[Opening Raw data section]

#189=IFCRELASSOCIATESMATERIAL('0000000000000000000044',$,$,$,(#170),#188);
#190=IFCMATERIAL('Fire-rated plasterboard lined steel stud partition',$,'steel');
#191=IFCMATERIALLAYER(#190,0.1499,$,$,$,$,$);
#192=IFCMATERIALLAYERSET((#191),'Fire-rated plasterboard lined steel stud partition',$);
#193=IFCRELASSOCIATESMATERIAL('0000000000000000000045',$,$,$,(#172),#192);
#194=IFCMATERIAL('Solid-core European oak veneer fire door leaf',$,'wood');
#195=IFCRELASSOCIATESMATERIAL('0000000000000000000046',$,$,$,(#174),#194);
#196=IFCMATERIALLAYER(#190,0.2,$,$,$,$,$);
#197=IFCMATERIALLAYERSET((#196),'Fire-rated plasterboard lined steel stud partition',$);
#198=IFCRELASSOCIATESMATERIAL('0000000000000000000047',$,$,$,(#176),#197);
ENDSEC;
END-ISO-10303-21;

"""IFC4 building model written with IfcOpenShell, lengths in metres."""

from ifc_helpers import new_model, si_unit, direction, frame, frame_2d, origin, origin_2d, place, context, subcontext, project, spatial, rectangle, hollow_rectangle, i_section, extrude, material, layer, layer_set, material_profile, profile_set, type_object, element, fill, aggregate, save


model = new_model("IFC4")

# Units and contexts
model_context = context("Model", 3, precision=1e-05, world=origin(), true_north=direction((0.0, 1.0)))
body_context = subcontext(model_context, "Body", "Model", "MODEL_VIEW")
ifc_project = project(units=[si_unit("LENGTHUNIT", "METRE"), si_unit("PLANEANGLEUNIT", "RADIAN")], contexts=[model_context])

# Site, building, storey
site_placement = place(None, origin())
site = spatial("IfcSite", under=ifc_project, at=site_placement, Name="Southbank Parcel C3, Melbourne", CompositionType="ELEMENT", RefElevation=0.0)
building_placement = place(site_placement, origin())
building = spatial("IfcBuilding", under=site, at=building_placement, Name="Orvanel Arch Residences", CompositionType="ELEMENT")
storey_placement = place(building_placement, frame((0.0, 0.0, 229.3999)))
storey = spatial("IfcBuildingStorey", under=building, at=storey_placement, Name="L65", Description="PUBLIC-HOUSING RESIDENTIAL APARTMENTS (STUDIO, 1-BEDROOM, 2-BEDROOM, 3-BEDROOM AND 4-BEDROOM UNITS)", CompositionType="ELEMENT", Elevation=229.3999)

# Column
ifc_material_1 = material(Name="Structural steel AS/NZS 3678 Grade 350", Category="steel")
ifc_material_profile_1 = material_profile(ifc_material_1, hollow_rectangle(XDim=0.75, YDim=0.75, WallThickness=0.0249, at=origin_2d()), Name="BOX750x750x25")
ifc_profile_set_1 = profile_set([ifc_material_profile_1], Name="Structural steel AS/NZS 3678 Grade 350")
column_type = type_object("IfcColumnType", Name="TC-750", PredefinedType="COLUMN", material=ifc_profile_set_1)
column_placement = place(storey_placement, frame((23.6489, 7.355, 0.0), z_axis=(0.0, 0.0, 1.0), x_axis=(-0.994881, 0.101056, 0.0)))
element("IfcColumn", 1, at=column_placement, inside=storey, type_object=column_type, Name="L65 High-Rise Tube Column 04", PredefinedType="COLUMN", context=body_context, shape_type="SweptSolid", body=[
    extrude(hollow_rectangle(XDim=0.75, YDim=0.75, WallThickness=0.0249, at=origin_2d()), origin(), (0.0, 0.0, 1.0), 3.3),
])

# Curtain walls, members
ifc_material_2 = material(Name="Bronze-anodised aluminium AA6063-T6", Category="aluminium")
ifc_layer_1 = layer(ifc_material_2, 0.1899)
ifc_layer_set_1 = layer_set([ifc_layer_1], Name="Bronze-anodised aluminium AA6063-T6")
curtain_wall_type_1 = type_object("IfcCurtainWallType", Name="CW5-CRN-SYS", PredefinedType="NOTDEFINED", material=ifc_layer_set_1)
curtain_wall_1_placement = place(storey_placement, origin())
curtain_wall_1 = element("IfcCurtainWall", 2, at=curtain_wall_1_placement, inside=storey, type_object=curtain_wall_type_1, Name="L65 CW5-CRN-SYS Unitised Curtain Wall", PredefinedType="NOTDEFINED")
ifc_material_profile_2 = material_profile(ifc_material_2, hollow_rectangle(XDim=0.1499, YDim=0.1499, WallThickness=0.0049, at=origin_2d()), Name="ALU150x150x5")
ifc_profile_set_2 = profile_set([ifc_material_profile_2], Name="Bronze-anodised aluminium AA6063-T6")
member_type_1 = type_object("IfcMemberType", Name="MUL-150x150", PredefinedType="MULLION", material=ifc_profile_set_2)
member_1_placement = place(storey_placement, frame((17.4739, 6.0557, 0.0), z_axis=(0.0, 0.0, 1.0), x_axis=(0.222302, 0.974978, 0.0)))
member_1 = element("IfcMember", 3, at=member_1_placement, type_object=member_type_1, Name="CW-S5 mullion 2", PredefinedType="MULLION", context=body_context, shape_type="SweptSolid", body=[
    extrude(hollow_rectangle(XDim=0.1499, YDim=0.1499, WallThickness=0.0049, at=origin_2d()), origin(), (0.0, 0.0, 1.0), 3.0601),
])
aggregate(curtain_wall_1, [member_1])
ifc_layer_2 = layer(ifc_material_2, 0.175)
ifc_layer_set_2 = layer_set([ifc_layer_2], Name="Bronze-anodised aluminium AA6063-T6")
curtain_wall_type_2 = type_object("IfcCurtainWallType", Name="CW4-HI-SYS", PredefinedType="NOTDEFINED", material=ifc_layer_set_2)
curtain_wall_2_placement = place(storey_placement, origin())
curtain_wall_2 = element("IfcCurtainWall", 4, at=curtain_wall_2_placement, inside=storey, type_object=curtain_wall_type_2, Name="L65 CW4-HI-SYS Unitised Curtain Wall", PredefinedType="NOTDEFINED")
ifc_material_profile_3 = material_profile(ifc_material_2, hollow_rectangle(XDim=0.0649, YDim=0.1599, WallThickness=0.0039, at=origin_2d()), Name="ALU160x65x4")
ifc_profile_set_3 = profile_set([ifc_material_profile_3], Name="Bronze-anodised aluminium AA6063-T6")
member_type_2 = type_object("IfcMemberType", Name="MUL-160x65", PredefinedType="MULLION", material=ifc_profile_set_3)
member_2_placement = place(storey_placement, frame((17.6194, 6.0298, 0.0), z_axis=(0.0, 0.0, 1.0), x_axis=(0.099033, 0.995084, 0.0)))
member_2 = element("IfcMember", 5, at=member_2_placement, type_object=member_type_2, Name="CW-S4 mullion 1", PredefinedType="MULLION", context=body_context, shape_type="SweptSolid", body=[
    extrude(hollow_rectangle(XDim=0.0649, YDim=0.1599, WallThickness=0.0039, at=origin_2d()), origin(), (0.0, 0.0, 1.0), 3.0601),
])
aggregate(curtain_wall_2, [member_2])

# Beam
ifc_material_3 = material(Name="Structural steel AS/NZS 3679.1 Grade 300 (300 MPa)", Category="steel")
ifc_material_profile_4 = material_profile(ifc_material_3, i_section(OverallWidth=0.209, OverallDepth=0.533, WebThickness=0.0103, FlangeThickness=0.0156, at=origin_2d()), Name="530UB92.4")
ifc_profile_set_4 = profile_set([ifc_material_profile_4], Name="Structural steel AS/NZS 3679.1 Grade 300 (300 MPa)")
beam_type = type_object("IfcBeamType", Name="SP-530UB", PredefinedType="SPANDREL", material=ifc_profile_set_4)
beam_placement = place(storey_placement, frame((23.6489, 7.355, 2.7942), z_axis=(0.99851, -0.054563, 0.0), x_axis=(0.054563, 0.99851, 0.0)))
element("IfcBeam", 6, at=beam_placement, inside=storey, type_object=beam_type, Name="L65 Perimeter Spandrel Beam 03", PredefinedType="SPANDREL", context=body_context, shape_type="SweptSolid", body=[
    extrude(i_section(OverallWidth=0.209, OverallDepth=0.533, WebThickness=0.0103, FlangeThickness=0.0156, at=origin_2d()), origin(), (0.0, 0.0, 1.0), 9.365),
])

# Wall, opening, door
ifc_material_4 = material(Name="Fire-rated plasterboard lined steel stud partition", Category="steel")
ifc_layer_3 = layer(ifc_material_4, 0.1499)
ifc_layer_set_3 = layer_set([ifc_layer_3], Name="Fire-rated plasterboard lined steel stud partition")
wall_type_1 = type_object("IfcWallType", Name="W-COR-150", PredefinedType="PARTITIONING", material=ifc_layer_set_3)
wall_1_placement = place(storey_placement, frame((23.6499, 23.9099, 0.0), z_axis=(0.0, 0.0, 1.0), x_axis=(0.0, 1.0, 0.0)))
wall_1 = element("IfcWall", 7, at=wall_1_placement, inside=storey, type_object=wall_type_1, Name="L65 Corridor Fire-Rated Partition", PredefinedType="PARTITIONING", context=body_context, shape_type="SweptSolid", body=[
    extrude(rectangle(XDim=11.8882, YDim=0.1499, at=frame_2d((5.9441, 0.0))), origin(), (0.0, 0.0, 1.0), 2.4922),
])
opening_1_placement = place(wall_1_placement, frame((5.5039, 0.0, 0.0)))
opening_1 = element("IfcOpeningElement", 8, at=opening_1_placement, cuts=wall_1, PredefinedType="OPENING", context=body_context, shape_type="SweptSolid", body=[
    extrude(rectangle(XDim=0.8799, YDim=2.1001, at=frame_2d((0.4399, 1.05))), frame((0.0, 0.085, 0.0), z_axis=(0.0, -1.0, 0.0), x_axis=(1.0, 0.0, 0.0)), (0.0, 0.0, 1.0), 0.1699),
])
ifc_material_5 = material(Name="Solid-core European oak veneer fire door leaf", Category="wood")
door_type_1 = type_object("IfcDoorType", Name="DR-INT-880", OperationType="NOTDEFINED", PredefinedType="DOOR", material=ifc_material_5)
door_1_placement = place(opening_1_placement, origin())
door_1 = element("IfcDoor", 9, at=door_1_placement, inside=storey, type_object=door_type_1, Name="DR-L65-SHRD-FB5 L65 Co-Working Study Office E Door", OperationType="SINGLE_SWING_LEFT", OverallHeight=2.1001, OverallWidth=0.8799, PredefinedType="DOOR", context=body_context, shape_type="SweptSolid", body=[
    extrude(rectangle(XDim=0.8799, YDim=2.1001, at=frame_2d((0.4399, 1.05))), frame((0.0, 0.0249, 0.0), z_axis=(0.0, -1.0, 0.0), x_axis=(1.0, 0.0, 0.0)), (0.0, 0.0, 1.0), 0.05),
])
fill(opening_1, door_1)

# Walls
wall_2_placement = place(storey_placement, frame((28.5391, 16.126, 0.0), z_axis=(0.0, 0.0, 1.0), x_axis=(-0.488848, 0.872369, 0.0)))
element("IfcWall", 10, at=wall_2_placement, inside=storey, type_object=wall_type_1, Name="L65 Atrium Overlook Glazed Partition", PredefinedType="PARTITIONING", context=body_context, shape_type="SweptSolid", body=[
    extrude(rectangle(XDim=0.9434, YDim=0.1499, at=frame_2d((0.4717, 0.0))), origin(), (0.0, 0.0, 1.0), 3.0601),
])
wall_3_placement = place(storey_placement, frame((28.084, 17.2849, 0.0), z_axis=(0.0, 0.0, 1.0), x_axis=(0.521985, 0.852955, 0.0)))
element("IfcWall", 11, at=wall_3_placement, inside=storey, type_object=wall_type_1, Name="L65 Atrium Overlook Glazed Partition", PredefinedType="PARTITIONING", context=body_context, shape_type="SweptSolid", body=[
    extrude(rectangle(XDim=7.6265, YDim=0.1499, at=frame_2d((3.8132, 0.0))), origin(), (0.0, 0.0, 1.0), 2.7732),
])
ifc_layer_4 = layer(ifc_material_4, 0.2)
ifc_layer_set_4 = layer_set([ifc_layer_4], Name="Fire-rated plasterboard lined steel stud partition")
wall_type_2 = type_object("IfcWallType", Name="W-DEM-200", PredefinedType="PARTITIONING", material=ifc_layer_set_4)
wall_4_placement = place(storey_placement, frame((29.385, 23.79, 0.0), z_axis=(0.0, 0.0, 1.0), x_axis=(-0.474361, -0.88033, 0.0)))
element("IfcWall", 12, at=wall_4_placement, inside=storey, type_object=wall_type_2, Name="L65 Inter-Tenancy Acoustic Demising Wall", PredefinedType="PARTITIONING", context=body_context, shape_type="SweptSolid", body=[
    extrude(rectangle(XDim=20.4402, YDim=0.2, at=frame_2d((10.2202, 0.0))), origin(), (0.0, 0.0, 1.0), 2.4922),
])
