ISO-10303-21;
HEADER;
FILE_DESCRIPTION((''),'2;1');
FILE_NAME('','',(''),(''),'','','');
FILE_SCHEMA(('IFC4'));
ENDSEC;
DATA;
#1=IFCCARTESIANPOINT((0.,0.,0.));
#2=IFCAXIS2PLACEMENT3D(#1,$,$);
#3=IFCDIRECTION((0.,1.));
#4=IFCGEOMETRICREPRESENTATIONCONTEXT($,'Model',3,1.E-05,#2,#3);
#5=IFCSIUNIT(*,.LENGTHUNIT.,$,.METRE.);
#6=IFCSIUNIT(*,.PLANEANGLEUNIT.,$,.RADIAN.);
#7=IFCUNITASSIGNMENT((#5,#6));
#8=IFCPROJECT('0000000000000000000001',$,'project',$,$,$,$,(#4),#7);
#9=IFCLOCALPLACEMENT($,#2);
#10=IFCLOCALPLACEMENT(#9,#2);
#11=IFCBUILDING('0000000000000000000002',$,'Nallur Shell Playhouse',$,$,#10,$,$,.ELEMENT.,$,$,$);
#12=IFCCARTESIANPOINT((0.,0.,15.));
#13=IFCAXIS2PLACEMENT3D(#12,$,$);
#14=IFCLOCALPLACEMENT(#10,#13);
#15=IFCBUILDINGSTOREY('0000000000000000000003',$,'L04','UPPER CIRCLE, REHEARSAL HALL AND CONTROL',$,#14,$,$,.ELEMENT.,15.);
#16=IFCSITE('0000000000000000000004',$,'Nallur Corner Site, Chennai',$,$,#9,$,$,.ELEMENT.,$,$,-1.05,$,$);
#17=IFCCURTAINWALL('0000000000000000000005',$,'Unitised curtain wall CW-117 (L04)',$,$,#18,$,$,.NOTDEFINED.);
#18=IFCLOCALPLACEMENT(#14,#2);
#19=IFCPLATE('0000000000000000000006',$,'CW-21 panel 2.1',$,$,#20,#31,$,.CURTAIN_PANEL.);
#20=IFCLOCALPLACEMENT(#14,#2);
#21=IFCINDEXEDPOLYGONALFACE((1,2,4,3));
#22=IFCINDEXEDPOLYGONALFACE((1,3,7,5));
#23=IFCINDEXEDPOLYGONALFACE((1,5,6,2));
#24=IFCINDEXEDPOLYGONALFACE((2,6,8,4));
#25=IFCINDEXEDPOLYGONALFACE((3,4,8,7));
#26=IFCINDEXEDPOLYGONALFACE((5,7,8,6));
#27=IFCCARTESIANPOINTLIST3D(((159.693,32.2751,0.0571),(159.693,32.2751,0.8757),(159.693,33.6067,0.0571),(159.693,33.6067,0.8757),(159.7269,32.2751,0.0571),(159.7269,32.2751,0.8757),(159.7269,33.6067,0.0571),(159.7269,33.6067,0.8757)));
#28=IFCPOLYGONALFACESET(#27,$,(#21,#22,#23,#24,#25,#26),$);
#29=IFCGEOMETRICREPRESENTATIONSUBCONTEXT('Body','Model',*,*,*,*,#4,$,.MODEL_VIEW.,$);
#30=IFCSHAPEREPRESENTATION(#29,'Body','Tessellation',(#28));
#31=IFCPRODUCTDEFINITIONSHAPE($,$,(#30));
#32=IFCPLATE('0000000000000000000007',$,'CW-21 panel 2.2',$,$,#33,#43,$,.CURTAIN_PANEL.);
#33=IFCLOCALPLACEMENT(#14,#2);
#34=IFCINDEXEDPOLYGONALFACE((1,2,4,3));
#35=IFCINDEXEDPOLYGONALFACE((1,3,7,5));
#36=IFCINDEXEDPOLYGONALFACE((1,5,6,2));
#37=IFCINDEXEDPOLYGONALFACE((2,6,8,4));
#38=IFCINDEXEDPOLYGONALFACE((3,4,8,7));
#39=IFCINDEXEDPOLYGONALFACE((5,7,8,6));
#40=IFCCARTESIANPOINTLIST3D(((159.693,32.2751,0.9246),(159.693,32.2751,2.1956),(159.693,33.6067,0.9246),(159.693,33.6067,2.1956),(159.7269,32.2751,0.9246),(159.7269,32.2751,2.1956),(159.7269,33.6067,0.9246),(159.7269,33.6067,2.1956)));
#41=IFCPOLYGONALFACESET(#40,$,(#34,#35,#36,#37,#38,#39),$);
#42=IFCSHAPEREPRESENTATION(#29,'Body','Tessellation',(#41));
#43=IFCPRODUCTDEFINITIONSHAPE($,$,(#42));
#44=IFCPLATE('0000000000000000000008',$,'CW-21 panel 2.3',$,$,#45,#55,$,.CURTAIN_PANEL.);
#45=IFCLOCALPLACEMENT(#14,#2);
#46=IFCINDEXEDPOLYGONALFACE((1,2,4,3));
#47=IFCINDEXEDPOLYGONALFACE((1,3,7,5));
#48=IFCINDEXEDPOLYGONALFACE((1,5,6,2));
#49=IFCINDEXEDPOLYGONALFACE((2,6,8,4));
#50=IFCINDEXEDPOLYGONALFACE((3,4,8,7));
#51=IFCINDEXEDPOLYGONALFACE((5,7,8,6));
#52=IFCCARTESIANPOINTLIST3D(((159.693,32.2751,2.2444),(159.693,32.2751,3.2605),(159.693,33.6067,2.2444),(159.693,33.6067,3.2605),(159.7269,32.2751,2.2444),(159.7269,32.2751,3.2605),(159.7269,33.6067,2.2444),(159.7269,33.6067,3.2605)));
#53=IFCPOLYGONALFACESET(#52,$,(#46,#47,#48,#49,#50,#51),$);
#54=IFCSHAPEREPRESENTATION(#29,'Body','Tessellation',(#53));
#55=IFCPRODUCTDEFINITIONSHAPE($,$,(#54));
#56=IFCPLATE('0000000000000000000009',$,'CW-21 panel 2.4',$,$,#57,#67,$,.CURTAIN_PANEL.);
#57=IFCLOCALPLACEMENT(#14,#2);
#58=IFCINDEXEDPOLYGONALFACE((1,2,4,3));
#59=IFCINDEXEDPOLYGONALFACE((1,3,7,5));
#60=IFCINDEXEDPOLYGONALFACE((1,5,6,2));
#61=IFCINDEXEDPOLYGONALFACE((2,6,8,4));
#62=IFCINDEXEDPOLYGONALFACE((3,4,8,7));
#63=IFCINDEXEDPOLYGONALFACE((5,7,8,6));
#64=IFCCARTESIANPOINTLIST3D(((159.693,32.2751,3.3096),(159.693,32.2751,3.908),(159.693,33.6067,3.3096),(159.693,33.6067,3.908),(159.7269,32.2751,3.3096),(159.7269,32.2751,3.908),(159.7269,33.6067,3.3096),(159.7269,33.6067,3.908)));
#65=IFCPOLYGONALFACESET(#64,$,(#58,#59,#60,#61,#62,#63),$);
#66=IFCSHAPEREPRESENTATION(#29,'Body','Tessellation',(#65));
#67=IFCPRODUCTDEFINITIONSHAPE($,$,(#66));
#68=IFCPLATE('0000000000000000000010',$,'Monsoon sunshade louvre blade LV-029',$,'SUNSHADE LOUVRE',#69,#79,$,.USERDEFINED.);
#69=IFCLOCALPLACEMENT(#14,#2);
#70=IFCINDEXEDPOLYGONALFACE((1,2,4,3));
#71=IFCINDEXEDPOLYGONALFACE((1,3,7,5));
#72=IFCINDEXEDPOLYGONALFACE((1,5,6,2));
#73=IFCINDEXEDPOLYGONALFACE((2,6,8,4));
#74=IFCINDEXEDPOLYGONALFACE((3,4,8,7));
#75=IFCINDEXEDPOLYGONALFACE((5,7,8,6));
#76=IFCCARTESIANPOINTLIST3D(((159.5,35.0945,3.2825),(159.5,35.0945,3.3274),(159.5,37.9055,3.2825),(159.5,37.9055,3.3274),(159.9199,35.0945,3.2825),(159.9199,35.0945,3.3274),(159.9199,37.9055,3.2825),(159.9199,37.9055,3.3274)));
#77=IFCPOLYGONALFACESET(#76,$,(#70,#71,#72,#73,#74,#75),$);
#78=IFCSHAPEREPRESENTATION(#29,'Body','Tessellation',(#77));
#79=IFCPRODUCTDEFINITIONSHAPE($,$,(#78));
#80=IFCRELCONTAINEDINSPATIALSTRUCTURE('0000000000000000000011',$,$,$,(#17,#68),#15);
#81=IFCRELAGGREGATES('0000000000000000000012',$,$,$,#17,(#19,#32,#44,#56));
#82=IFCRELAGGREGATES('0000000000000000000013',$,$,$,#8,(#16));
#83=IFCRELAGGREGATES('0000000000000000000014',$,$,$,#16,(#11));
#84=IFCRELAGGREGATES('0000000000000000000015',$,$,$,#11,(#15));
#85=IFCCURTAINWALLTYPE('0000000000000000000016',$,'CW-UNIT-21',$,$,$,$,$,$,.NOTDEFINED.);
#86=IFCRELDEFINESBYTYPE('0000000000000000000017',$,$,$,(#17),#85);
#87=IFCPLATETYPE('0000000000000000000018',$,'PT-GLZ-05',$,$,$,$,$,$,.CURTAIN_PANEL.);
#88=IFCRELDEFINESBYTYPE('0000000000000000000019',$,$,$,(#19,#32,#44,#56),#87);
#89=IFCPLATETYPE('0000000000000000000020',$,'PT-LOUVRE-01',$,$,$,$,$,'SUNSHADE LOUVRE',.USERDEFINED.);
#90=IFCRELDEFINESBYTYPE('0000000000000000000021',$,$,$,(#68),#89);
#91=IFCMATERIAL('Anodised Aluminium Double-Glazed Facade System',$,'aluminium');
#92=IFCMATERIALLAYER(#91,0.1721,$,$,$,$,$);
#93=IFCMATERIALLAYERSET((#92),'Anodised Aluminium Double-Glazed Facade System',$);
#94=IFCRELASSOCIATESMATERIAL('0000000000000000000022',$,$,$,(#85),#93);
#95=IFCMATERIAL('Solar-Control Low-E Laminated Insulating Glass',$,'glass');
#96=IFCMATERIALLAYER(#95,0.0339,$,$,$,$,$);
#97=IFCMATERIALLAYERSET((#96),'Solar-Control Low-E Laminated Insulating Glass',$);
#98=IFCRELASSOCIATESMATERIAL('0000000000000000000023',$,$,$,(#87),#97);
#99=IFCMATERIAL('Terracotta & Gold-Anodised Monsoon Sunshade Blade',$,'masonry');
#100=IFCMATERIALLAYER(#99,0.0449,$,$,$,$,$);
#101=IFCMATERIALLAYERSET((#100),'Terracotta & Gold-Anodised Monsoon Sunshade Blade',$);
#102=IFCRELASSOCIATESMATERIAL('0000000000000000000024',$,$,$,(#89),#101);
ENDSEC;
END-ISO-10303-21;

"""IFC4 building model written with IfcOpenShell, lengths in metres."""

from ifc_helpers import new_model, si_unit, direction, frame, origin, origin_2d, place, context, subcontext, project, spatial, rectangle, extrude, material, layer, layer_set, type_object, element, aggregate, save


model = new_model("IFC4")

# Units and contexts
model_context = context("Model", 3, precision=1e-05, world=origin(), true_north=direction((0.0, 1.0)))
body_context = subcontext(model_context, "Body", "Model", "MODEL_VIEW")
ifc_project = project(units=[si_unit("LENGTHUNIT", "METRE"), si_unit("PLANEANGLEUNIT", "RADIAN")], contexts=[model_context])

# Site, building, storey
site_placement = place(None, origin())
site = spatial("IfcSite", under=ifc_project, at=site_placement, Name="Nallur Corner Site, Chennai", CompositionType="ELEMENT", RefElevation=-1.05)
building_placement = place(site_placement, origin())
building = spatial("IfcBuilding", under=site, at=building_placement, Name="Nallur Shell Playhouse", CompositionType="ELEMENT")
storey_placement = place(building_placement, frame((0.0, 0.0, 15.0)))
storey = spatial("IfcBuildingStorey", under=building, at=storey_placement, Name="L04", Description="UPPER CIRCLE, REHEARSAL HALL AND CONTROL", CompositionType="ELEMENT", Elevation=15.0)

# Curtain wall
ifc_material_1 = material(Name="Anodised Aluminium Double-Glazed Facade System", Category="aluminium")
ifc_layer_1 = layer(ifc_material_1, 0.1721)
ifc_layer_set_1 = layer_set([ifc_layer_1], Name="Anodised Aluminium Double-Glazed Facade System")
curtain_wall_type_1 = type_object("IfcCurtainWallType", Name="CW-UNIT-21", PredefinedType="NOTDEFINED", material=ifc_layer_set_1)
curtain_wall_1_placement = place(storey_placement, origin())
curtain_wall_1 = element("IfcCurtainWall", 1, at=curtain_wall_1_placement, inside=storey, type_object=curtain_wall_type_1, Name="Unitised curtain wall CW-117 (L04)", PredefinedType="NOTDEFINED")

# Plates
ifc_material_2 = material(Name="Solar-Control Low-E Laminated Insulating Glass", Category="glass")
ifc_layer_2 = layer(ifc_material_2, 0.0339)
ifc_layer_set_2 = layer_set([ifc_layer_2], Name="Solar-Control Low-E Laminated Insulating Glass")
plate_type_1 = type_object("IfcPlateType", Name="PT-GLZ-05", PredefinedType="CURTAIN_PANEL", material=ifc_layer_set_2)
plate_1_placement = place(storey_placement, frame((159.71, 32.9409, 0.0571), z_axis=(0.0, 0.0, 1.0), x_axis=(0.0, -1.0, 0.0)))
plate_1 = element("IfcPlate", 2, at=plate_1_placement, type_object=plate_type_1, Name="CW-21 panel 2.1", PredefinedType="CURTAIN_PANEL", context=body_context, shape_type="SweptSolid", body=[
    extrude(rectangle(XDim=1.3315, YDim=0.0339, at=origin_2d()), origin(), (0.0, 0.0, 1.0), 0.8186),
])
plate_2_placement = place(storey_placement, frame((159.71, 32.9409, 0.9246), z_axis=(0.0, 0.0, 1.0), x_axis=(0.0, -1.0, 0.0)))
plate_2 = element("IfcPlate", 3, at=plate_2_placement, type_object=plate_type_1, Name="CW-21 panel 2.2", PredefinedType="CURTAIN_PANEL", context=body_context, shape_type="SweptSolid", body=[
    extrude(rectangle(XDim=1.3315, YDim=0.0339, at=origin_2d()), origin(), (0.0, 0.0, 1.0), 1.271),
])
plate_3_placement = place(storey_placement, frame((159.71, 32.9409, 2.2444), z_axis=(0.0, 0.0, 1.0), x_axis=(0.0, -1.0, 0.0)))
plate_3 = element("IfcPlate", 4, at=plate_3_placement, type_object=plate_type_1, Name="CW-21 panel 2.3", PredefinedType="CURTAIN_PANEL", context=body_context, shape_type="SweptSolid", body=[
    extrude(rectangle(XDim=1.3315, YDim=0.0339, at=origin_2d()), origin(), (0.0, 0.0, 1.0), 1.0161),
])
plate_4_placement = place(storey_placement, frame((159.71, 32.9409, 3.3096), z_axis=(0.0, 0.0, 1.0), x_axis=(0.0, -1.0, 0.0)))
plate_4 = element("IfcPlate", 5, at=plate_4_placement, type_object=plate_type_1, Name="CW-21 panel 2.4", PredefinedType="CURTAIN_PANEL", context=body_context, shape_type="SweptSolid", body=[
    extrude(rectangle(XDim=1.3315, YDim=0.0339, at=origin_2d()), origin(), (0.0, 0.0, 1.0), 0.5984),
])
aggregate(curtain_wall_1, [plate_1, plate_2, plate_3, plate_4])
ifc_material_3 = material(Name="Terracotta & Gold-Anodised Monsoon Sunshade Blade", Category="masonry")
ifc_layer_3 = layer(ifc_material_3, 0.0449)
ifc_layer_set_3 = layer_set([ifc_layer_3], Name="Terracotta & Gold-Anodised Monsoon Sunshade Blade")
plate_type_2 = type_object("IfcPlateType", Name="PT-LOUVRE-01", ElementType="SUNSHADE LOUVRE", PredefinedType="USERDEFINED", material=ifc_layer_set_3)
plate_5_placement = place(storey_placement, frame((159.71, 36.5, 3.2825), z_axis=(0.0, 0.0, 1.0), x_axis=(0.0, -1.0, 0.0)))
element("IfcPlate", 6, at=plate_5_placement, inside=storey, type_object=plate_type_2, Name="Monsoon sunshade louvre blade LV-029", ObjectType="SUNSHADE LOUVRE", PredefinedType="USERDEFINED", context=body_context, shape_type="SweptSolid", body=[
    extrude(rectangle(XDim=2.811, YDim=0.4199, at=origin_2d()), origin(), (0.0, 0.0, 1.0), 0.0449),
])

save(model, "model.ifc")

[Closing Raw data section]

Exercise directions: Go through the material and say how many lines include "European". The number alone will do.

Completed task: 2